• _Problem details_: What is needed is an exact retyping of the records below, from the first line through the line that contains "#137=IFCPRODUCTDEFINITIONSHAPE($,$,(#136));".

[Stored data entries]

-- Opening Marker --

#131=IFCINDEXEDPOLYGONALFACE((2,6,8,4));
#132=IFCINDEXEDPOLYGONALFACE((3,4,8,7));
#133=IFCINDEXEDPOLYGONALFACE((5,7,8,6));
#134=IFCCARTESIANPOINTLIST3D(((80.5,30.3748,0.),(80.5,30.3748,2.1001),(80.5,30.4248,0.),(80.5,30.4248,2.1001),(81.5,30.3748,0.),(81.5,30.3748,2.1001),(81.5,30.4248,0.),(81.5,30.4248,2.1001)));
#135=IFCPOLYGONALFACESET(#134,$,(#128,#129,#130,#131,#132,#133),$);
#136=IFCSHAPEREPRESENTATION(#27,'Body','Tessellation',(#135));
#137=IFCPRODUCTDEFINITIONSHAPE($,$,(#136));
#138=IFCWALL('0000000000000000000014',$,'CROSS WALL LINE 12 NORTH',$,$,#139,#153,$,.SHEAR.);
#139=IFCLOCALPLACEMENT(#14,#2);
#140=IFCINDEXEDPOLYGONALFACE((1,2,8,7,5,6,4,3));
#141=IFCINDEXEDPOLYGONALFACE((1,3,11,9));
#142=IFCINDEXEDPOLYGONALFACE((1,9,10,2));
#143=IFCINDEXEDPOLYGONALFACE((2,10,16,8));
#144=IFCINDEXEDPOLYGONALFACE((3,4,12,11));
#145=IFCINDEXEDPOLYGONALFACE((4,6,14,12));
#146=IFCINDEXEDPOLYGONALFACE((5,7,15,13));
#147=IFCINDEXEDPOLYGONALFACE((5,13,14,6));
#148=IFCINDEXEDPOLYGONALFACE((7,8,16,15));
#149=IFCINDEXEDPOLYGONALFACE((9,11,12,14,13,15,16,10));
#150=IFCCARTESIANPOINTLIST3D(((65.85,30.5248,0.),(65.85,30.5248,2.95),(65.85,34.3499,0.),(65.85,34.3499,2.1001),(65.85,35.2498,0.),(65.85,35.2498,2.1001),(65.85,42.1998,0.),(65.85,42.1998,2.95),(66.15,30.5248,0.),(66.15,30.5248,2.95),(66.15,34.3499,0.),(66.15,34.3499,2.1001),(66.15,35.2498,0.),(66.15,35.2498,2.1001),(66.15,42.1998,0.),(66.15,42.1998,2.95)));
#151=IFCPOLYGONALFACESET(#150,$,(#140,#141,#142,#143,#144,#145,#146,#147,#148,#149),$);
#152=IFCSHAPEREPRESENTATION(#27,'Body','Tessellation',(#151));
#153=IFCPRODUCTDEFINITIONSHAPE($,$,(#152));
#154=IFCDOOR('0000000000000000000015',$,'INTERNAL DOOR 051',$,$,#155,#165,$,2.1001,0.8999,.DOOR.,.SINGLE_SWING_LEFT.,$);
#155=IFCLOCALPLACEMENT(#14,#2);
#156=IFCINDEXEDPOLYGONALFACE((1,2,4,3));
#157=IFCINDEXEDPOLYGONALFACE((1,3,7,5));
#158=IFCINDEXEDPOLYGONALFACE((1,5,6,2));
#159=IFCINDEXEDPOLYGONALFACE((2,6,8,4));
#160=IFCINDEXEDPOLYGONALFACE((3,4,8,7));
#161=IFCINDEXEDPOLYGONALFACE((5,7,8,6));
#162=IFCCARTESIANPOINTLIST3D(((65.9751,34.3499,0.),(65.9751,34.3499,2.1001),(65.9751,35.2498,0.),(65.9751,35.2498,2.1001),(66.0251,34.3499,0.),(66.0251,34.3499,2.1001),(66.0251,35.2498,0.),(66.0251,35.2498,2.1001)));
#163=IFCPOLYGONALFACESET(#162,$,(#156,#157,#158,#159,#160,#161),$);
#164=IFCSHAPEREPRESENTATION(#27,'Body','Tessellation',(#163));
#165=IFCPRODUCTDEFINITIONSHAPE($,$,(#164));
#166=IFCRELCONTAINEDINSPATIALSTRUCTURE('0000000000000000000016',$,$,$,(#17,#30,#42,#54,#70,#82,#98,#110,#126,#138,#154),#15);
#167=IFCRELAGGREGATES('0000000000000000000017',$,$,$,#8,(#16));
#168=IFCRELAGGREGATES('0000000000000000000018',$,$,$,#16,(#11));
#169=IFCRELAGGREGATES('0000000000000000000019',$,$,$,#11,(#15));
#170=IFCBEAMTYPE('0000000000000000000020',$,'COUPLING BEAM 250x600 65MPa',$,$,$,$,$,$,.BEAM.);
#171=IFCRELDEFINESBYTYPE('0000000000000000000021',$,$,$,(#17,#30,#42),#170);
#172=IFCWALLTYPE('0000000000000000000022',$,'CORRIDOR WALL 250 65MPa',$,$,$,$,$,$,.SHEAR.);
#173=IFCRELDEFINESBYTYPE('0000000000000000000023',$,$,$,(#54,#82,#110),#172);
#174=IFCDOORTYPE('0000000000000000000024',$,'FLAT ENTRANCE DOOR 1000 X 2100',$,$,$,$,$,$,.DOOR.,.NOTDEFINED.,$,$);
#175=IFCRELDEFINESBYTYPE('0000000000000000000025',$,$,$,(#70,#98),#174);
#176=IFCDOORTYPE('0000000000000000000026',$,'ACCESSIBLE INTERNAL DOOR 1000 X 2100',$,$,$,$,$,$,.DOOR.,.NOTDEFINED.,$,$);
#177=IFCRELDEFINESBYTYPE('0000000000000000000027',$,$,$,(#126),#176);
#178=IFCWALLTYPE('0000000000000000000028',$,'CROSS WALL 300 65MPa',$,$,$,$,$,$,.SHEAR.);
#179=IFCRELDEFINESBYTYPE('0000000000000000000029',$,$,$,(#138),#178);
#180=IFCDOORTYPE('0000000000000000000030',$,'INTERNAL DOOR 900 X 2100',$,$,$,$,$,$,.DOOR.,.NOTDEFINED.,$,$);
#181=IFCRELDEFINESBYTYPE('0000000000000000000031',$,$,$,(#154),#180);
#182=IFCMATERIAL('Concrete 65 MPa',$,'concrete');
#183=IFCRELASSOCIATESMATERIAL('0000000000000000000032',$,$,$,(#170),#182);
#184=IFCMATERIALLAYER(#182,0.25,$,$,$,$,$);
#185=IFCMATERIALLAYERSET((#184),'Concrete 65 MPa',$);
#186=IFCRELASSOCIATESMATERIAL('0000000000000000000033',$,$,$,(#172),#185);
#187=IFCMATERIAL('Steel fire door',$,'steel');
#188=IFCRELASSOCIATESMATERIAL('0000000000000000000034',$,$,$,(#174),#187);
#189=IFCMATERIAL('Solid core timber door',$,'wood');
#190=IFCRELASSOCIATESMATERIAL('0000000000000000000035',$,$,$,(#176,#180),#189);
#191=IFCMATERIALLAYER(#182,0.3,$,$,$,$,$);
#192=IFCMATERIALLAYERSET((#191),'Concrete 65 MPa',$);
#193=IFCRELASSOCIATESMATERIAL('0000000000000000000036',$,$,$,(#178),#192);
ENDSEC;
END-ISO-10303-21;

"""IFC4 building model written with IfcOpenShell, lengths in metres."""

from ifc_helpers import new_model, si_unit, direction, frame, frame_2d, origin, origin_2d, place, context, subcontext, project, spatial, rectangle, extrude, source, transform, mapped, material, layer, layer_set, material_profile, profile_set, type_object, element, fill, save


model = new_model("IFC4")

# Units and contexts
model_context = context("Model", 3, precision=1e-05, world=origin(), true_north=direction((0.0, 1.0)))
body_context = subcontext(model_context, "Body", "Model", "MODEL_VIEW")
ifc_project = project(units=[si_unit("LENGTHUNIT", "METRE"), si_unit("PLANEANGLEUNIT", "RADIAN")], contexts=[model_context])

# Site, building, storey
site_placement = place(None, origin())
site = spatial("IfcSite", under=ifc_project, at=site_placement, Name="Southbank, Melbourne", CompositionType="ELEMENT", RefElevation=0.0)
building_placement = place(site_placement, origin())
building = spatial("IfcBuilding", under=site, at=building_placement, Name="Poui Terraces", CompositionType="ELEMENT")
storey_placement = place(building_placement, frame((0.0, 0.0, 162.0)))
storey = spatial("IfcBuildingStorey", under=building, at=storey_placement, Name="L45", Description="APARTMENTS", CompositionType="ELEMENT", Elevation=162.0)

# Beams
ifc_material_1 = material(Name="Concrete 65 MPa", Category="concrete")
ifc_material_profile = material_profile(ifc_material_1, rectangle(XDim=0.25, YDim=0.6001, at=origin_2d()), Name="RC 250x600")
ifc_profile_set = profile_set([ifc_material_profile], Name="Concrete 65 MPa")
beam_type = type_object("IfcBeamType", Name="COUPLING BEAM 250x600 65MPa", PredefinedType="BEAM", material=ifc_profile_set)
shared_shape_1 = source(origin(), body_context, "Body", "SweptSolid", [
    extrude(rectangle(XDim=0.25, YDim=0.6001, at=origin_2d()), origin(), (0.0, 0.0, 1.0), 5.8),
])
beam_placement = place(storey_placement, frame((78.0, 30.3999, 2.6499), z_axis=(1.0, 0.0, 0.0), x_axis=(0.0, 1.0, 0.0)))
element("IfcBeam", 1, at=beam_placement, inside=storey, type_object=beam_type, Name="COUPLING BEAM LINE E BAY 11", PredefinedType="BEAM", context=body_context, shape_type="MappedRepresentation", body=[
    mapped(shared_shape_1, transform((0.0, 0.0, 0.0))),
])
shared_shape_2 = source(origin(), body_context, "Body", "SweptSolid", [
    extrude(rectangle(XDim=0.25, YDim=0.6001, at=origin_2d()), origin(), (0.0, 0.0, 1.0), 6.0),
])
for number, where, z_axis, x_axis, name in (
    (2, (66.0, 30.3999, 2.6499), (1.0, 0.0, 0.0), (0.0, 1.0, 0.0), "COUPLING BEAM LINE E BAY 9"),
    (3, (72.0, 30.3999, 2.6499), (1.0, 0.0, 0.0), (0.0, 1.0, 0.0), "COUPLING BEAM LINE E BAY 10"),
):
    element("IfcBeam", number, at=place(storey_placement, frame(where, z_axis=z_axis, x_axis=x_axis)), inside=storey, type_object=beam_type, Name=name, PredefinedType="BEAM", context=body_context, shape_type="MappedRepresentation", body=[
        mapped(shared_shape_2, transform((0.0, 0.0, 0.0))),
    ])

-- Closing Marker --

• _Finished task_:
#131=IFCINDEXEDPOLYGONALFACE((2,6,8,4));
#132=IFCINDEXEDPOLYGONALFACE((3,4,8,7));
#133=IFCINDEXEDPOLYGONALFACE((5,7,8,6));
#134=IFCCARTESIANPOINTLIST3D(((80.5,30.3748,0.),(80.5,30.3748,2.1001),(80.5,30.4248,0.),(80.5,30.4248,2.1001),(81.5,30.3748,0.),(81.5,30.3748,2.1001),(81.5,30.4248,0.),(81.5,30.4248,2.1001)));
#135=IFCPOLYGONALFACESET(#134,$,(#128,#129,#130,#131,#132,#133),$);
#136=IFCSHAPEREPRESENTATION(#27,'Body','Tessellation',(#135));
#137=IFCPRODUCTDEFINITIONSHAPE($,$,(#136));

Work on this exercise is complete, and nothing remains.